**Task objective**
Would you restate word for word the lines of the listing, beginning at the first and ending with the line that holds "#154=IFCMATERIALLAYER(#153,0.075,$,$,$,$,$);"?

**Data for this task**
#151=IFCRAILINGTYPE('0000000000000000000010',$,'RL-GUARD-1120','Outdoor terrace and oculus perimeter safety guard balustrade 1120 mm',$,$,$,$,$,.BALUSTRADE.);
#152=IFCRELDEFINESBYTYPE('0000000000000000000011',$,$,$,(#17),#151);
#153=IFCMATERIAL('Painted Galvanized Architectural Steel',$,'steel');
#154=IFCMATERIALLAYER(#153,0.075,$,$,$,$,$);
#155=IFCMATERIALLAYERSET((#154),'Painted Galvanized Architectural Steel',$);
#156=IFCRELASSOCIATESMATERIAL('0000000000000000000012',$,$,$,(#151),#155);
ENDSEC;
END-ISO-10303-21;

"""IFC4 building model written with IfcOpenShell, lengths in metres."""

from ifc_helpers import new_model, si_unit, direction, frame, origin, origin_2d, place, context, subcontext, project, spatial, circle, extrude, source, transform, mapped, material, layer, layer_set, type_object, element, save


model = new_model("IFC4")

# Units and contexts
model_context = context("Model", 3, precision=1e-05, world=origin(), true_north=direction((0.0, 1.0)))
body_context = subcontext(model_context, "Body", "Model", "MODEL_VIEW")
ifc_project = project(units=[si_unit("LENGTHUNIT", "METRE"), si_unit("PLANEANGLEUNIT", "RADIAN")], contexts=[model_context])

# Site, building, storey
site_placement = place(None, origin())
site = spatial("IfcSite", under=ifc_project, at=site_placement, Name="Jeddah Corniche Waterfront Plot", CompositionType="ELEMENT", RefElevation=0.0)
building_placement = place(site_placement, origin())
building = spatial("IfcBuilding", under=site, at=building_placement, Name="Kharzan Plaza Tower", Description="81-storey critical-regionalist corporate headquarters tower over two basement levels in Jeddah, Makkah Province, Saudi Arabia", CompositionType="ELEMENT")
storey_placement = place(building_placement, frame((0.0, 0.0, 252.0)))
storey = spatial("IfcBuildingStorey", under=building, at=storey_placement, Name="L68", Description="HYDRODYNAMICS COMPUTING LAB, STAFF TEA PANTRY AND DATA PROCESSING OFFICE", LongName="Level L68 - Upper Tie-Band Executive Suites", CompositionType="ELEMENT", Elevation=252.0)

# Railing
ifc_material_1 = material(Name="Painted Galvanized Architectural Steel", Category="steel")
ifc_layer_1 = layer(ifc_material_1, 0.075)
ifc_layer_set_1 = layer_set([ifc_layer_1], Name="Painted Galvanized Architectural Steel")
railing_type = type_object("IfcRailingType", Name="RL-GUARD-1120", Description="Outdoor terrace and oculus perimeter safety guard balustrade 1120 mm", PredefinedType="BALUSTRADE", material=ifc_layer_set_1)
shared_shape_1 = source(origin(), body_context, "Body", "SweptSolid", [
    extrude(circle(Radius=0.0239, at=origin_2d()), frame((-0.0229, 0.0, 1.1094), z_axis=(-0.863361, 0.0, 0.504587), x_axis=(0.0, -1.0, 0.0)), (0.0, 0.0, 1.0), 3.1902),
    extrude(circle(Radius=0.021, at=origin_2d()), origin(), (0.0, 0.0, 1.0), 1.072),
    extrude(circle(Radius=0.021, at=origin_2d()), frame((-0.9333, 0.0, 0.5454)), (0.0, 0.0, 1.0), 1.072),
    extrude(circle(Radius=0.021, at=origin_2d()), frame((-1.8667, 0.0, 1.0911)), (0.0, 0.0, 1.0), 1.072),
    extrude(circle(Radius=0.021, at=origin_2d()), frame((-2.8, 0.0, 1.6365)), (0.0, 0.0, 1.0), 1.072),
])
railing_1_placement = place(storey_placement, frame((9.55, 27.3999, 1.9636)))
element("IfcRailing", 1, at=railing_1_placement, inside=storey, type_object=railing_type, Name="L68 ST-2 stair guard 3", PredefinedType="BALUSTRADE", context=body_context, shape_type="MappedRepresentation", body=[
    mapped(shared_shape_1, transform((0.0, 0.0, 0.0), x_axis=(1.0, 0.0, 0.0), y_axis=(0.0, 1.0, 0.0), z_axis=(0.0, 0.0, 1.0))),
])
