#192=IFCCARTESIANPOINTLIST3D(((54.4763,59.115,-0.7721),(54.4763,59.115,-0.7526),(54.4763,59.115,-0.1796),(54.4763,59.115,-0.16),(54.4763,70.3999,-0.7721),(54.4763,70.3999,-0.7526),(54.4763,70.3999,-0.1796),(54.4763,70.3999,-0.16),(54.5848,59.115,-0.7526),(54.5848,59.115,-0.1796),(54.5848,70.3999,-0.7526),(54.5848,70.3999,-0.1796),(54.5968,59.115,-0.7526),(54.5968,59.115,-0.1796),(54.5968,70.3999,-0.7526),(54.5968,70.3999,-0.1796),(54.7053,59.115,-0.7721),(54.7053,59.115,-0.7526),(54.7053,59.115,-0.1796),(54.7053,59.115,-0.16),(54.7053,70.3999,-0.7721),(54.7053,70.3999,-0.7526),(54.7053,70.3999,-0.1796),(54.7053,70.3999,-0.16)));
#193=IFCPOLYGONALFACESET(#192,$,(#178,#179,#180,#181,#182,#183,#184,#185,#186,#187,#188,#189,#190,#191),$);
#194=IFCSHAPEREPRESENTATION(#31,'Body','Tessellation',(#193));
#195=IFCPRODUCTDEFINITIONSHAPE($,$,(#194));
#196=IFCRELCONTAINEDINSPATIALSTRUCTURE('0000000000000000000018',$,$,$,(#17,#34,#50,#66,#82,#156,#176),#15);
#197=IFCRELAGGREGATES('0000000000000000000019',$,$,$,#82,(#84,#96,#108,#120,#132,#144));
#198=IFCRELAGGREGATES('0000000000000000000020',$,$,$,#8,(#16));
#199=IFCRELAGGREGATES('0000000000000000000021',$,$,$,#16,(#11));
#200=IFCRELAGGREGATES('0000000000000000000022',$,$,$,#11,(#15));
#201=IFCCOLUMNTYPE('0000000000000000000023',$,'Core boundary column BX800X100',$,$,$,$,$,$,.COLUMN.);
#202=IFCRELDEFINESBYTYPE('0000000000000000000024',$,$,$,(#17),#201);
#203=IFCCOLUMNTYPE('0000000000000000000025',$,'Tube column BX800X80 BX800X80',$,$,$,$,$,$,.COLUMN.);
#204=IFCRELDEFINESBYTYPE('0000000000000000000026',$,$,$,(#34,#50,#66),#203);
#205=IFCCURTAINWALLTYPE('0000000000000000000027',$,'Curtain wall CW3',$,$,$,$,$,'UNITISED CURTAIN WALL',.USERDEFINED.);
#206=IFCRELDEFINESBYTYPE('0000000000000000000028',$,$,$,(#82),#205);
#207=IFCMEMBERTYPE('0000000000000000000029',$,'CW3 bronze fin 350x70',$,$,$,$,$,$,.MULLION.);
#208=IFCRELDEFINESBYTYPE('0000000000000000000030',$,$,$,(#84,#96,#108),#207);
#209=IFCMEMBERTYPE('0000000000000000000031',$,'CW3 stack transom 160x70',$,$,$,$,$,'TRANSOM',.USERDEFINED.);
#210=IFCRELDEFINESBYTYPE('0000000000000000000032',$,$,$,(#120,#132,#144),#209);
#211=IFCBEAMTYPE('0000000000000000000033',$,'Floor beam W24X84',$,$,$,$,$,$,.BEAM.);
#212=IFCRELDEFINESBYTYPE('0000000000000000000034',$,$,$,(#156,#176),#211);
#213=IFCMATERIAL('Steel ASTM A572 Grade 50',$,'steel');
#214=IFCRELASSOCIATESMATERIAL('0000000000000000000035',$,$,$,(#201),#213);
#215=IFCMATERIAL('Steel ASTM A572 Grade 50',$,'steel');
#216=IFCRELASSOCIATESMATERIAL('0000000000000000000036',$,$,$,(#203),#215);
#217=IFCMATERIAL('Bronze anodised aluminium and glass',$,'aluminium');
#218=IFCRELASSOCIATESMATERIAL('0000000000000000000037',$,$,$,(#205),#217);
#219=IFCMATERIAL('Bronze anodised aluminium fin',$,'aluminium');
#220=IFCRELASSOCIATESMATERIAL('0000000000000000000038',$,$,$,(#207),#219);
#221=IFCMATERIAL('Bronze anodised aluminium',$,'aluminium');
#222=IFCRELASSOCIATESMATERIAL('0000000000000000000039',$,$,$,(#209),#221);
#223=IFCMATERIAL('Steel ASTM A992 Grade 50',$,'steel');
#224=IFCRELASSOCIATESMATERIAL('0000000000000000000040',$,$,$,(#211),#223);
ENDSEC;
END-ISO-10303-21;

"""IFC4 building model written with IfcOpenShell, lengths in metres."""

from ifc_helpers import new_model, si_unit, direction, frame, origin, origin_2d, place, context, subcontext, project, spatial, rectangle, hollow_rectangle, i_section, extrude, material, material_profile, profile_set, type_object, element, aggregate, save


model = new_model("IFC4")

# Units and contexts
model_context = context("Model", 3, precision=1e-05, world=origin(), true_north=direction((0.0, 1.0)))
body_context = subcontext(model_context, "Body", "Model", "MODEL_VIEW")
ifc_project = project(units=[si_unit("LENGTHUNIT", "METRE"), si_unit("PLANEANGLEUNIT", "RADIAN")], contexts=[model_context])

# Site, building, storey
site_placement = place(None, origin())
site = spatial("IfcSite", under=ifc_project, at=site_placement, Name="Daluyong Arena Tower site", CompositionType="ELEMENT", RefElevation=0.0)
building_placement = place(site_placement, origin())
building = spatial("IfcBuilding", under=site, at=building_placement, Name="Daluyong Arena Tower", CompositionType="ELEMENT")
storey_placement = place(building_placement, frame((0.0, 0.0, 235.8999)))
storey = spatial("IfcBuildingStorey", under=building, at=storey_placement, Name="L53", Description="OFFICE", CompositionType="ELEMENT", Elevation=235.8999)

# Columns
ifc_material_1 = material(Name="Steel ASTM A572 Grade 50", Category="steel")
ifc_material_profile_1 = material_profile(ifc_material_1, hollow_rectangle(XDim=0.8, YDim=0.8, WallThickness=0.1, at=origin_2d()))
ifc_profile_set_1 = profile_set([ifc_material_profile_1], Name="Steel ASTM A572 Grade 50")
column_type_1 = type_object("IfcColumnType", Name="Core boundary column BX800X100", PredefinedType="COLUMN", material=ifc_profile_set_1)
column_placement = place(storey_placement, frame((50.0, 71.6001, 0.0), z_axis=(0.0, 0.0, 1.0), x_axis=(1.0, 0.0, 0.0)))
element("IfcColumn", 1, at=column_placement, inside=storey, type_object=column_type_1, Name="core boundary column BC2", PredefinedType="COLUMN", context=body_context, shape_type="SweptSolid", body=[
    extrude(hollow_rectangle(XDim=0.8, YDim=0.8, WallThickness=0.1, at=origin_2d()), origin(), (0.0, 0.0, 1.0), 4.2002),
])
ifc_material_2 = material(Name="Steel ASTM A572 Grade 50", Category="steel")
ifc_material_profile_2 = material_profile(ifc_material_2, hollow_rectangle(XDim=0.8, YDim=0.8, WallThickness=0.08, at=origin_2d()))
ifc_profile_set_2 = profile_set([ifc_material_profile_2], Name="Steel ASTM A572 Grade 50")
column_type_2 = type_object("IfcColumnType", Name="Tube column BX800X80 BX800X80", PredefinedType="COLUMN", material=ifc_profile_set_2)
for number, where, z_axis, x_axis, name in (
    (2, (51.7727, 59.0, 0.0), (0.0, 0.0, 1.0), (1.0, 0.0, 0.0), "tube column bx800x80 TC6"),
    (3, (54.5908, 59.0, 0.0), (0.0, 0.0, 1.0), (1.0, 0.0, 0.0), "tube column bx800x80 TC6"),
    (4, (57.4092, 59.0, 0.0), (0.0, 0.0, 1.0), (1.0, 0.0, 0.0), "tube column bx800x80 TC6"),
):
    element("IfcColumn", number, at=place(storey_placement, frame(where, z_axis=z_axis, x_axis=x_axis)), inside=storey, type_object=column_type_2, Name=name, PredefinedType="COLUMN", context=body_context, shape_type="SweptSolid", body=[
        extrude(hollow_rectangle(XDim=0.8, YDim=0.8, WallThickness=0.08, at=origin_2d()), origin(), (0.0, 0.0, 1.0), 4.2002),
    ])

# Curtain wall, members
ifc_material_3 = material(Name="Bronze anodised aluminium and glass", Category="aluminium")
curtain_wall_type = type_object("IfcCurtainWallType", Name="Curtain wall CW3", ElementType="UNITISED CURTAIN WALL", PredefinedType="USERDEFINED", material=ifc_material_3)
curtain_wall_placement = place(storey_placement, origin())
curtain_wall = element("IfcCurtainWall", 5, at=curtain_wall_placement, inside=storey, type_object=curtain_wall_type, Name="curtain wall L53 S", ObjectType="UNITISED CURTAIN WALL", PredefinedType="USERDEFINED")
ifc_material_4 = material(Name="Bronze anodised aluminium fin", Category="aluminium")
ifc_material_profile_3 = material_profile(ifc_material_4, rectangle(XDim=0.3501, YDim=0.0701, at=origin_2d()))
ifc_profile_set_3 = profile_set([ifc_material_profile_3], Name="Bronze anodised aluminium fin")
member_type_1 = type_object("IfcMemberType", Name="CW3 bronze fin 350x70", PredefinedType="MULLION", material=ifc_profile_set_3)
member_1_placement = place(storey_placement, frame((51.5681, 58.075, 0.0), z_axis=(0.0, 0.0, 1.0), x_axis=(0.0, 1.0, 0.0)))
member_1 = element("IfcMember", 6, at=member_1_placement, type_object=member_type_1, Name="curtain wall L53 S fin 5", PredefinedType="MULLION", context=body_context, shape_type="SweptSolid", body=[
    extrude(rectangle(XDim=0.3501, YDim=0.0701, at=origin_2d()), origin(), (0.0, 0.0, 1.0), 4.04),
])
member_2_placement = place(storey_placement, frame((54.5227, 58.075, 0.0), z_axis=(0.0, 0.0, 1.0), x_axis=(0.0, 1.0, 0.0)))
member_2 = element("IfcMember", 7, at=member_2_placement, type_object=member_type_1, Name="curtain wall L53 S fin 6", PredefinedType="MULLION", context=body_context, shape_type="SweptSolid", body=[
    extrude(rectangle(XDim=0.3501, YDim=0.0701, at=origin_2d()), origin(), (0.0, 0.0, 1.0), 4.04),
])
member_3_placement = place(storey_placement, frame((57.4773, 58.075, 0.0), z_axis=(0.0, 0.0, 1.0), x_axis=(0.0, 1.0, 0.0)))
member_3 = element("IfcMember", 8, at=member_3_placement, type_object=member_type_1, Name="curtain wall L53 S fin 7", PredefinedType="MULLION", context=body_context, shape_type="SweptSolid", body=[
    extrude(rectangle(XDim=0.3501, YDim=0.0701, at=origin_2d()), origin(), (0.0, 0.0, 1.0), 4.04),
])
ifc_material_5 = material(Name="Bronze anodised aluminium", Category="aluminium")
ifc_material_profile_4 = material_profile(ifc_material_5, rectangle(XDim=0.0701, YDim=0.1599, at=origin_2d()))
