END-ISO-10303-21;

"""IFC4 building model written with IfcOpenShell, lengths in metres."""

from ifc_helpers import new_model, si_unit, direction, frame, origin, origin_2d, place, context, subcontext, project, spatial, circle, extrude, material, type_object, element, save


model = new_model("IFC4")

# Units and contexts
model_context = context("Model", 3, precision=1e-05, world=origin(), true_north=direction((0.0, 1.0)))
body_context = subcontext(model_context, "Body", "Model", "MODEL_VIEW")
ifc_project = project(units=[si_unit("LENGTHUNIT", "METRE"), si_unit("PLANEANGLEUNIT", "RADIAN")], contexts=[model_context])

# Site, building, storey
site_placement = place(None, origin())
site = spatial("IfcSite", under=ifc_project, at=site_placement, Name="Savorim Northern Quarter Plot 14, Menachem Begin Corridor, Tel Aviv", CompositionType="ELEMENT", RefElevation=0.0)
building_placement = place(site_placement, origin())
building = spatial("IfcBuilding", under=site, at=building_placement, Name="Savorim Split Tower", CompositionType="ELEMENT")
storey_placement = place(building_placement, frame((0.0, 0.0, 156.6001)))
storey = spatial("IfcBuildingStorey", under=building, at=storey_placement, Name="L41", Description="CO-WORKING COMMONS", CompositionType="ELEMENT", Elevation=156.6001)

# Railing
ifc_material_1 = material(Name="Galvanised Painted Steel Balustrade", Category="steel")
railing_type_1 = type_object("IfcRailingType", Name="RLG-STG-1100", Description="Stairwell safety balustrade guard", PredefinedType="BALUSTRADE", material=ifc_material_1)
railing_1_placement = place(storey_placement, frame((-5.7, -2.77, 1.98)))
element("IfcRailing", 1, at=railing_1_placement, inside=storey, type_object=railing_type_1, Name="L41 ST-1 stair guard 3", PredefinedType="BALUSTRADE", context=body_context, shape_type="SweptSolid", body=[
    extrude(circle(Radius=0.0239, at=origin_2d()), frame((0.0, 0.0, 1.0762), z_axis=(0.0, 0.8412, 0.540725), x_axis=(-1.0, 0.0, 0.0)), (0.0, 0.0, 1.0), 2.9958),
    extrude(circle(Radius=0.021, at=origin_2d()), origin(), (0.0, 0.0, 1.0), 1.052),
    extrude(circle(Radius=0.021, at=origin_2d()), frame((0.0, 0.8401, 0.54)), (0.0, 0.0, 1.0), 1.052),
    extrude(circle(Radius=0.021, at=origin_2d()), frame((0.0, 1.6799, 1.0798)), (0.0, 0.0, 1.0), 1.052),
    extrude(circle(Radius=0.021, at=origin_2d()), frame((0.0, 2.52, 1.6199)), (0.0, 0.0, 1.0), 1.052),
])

**Your solution**
#151=IFCRAILINGTYPE('0000000000000000000010',$,'RL-GUARD-1120','Outdoor terrace and oculus perimeter safety guard balustrade 1120 mm',$,$,$,$,$,.BALUSTRADE.);
#152=IFCRELDEFINESBYTYPE('0000000000000000000011',$,$,$,(#17),#151);
#153=IFCMATERIAL('Painted Galvanized Architectural Steel',$,'steel');
#154=IFCMATERIALLAYER(#153,0.075,$,$,$,$,$);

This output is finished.